### Data in this exercise

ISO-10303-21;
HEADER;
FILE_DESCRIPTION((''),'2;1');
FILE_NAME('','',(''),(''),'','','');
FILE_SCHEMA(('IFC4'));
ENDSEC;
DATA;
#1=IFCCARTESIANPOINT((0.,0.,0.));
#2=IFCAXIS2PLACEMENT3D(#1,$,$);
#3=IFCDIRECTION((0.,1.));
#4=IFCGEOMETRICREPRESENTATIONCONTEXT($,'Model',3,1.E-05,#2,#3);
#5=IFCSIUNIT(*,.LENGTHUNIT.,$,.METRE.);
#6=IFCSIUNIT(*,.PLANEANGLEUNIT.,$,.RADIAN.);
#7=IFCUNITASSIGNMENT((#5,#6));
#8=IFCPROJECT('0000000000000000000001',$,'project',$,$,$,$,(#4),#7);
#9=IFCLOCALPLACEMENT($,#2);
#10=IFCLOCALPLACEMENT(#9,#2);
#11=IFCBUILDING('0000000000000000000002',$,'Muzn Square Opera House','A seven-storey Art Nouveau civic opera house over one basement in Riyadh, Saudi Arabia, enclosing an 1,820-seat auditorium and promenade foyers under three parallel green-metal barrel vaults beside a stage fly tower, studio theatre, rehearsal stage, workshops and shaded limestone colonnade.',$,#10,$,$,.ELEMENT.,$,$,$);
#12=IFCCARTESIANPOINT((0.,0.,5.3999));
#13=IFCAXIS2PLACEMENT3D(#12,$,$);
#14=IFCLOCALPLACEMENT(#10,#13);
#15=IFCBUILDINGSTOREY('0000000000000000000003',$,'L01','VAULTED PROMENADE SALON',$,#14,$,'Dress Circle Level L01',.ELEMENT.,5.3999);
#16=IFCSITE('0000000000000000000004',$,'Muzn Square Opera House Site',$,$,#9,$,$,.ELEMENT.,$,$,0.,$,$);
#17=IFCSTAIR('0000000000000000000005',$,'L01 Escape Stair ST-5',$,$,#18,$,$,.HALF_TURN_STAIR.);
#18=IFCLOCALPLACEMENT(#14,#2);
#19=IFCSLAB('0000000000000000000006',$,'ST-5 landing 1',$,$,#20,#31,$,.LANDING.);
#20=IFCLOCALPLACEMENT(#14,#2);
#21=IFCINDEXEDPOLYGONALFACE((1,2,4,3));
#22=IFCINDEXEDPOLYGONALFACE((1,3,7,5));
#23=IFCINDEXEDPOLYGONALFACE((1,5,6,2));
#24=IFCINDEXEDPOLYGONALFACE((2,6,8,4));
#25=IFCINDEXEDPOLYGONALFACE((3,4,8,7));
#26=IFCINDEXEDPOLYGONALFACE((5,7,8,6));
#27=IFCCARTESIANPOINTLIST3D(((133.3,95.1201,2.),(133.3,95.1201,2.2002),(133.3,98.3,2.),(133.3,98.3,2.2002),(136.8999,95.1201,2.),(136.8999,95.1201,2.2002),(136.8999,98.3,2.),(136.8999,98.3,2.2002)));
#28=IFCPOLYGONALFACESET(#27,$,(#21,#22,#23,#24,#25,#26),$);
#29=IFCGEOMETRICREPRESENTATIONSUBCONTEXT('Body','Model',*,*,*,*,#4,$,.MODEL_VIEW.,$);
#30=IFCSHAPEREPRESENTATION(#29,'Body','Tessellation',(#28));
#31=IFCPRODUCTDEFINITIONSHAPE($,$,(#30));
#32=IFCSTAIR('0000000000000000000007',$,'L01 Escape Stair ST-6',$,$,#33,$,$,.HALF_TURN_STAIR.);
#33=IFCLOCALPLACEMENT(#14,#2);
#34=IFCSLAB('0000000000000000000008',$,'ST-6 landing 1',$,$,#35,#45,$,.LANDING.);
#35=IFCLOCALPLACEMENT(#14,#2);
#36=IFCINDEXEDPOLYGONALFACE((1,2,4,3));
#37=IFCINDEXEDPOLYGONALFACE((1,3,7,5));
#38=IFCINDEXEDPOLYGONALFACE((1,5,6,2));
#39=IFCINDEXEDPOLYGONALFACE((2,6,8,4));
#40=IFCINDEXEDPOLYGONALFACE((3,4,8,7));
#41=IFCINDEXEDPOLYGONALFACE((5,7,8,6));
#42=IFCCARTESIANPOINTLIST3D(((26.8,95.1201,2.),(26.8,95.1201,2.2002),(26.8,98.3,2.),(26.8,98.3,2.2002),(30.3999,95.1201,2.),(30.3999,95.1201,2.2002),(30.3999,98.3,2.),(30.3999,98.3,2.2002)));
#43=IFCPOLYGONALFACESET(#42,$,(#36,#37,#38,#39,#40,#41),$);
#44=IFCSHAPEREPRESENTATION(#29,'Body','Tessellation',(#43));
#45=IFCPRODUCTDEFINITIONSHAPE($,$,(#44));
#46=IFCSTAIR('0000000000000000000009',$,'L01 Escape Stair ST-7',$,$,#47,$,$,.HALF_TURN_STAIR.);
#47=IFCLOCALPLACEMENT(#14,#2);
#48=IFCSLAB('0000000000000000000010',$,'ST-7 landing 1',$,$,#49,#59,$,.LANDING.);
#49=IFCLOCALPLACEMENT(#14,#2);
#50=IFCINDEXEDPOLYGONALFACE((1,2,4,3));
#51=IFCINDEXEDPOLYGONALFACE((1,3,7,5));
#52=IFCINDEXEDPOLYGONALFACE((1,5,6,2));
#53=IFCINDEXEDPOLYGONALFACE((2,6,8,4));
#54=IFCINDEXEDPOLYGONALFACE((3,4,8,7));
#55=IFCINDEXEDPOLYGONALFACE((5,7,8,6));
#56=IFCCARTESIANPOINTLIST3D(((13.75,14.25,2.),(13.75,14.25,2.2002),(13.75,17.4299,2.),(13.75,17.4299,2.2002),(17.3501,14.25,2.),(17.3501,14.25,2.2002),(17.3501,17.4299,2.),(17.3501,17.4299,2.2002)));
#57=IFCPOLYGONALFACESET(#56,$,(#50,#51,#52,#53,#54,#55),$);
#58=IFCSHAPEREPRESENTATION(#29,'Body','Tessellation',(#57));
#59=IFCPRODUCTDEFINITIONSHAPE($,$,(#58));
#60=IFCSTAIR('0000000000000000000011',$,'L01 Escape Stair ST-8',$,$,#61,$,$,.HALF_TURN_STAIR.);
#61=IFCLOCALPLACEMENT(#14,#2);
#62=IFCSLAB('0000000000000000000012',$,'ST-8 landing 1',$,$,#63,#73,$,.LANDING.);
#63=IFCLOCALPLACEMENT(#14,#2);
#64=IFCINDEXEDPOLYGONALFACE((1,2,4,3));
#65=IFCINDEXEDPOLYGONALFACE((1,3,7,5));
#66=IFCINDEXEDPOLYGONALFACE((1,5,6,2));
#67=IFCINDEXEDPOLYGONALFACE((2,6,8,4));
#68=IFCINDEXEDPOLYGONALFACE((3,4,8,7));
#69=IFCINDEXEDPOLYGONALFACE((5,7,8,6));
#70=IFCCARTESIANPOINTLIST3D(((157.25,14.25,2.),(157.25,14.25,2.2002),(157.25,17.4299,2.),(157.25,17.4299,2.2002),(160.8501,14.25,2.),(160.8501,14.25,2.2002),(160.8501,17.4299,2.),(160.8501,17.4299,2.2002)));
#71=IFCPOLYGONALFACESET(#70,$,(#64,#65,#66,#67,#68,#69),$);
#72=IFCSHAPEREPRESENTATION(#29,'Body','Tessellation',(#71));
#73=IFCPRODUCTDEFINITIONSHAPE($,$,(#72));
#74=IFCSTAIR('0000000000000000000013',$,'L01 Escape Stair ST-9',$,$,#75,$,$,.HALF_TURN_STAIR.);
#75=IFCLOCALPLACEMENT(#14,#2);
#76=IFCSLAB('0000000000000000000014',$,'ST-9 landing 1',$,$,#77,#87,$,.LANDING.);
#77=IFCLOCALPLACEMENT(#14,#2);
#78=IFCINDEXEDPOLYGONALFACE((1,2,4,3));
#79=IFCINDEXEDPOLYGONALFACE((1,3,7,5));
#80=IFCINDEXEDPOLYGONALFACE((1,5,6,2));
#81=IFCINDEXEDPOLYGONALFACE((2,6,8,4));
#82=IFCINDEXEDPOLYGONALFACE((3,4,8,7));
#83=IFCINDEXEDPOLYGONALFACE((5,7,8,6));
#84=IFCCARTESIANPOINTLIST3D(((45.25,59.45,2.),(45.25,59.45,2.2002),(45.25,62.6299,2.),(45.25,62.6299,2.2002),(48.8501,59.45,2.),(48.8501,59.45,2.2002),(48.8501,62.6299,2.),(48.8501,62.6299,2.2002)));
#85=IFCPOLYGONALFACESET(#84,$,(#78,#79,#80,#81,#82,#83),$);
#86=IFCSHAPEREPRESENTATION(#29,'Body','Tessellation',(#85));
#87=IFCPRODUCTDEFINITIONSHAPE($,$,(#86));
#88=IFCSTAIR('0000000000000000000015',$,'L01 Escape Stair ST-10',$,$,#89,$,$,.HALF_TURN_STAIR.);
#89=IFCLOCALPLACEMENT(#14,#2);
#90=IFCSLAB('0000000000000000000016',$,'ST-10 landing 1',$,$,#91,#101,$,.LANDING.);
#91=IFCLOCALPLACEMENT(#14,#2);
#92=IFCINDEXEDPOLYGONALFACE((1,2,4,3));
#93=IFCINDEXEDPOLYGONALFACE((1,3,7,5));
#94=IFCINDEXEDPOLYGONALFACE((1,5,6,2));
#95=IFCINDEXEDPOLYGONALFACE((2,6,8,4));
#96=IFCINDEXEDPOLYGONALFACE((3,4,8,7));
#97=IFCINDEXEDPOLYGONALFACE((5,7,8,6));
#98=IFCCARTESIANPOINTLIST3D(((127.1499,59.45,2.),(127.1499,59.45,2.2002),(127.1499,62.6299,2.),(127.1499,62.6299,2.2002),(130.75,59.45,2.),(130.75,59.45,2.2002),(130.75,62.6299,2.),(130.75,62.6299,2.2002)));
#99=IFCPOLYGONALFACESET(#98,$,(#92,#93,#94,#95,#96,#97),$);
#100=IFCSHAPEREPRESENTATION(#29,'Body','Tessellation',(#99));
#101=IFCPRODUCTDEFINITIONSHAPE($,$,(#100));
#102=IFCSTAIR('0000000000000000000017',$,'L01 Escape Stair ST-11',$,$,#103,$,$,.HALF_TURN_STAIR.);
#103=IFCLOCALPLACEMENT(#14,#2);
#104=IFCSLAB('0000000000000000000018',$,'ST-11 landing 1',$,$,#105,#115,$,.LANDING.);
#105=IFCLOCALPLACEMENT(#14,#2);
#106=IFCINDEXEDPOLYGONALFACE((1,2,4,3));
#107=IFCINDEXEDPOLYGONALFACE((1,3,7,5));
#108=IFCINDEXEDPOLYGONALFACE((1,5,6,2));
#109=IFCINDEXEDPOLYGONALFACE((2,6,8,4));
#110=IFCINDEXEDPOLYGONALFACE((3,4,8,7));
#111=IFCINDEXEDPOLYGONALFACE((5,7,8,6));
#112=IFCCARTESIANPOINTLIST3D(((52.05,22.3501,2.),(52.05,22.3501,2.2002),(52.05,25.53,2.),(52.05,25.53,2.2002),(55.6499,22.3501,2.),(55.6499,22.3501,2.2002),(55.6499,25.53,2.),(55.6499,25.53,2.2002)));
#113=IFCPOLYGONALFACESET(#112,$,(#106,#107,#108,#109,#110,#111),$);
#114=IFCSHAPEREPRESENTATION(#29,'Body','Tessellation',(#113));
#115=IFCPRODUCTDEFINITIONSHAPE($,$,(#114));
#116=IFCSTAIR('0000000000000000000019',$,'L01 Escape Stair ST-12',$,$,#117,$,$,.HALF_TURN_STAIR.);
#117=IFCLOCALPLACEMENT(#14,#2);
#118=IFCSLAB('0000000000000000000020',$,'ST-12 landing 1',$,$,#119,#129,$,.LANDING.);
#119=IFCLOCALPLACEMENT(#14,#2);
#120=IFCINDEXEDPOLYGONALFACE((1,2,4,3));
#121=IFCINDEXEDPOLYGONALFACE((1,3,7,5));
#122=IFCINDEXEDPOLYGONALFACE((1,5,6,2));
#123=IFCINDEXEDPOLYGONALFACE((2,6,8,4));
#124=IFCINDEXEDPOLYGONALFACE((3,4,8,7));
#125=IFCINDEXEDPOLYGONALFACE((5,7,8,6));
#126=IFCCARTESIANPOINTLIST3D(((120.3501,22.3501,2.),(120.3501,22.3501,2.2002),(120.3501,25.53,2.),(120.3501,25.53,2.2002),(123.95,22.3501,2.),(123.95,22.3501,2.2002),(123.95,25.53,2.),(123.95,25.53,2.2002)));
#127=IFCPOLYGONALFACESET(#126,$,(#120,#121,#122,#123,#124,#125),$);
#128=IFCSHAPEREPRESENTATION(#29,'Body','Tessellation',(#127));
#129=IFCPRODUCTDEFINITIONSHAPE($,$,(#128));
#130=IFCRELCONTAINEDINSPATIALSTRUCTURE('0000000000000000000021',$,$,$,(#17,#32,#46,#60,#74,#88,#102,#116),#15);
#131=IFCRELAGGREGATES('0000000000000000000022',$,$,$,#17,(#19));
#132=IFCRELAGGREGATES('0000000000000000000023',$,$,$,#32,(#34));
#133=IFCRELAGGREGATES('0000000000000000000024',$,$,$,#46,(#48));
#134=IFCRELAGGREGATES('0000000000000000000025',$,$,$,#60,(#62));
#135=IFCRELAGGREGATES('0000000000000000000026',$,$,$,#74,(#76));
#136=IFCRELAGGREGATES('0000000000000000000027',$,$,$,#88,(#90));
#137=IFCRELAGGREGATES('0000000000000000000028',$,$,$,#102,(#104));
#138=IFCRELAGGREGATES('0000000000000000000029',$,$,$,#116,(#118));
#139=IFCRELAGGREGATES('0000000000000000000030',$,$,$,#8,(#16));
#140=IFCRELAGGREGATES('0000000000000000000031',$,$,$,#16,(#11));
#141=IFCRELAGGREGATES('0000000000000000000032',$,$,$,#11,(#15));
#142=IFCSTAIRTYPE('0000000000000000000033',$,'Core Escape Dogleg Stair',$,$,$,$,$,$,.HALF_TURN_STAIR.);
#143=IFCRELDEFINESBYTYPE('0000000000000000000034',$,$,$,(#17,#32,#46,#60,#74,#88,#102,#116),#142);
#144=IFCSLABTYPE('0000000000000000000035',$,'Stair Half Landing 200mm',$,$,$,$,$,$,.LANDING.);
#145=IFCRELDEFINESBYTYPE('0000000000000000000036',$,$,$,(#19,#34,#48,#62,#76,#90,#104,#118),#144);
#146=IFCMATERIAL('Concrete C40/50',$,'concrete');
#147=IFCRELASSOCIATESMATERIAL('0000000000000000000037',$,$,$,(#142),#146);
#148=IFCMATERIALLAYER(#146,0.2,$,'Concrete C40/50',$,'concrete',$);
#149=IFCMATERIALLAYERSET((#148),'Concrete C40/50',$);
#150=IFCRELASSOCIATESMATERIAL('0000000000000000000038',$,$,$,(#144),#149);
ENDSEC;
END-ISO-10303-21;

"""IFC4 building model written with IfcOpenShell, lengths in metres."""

from ifc_helpers import new_model, si_unit, direction, frame, origin, place, context, subcontext, project, spatial, polyline, outline, extrude, material, layer, layer_set, type_object, element, aggregate, save


model = new_model("IFC4")

# Units and contexts
model_context = context("Model", 3, precision=1e-05, world=origin(), true_north=direction((0.0, 1.0)))
body_context = subcontext(model_context, "Body", "Model", "MODEL_VIEW")
ifc_project = project(units=[si_unit("LENGTHUNIT", "METRE"), si_unit("PLANEANGLEUNIT", "RADIAN")], contexts=[model_context])

# Site, building, storey
site_placement = place(None, origin())
site = spatial("IfcSite", under=ifc_project, at=site_placement, Name="Muzn Square Opera House Site", CompositionType="ELEMENT", RefElevation=0.0)
building_placement = place(site_placement, origin())
building = spatial("IfcBuilding", under=site, at=building_placement, Name="Muzn Square Opera House", Description="A seven-storey Art Nouveau civic opera house over one basement in Riyadh, Saudi Arabia, enclosing an 1,820-seat auditorium and promenade foyers under three parallel green-metal barrel vaults beside a stage fly tower, studio theatre, rehearsal stage, workshops and shaded limestone colonnade.", CompositionType="ELEMENT")
storey_placement = place(building_placement, frame((0.0, 0.0, 5.3999)))
storey = spatial("IfcBuildingStorey", under=building, at=storey_placement, Name="L01", Description="VAULTED PROMENADE SALON", LongName="Dress Circle Level L01", CompositionType="ELEMENT", Elevation=5.3999)

# Shared definitions
ifc_material_1 = material(Name="Concrete C40/50", Category="concrete")

# Stairs, slabs
stair_type = type_object("IfcStairType", Name="Core Escape Dogleg Stair", PredefinedType="HALF_TURN_STAIR", material=ifc_material_1)
stair_1_placement = place(storey_placement, origin())
stair_1 = element("IfcStair", 1, at=stair_1_placement, inside=storey, type_object=stair_type, Name="L01 Escape Stair ST-5", PredefinedType="HALF_TURN_STAIR")
ifc_layer_1 = layer(ifc_material_1, 0.2, Name="Concrete C40/50", Category="concrete")
ifc_layer_set_1 = layer_set([ifc_layer_1], Name="Concrete C40/50")
slab_type = type_object("IfcSlabType", Name="Stair Half Landing 200mm", PredefinedType="LANDING", material=ifc_layer_set_1)
slab_1_placement = place(storey_placement, frame((0.0, 0.0, 2.0)))
slab_1 = element("IfcSlab", 2, at=slab_1_placement, type_object=slab_type, Name="ST-5 landing 1", PredefinedType="LANDING", context=body_context, shape_type="SweptSolid", body=[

######

## Exercise details
In the listing above, find the line with "#75=IFCLOCALPLACEMENT(#14,#2);" and the line with "#89=IFCLOCALPLACEMENT(#14,#2);", then print exactly those two lines and every line between them, and nothing more.

## Response to this task
#75=IFCLOCALPLACEMENT(#14,#2);
#76=IFCSLAB('0000000000000000000014',$,'ST-9 landing 1',$,$,#77,#87,$,.LANDING.);
#77=IFCLOCALPLACEMENT(#14,#2);
#78=IFCINDEXEDPOLYGONALFACE((1,2,4,3));
#79=IFCINDEXEDPOLYGONALFACE((1,3,7,5));
#80=IFCINDEXEDPOLYGONALFACE((1,5,6,2));
#81=IFCINDEXEDPOLYGONALFACE((2,6,8,4));
#82=IFCINDEXEDPOLYGONALFACE((3,4,8,7));
#83=IFCINDEXEDPOLYGONALFACE((5,7,8,6));
#84=IFCCARTESIANPOINTLIST3D(((45.25,59.45,2.),(45.25,59.45,2.2002),(45.25,62.6299,2.),(45.25,62.6299,2.2002),(48.8501,59.45,2.),(48.8501,59.45,2.2002),(48.8501,62.6299,2.),(48.8501,62.6299,2.2002)));
#85=IFCPOLYGONALFACESET(#84,$,(#78,#79,#80,#81,#82,#83),$);
#86=IFCSHAPEREPRESENTATION(#29,'Body','Tessellation',(#85));
#87=IFCPRODUCTDEFINITIONSHAPE($,$,(#86));
#88=IFCSTAIR('0000000000000000000015',$,'L01 Escape Stair ST-10',$,$,#89,$,$,.HALF_TURN_STAIR.);
#89=IFCLOCALPLACEMENT(#14,#2);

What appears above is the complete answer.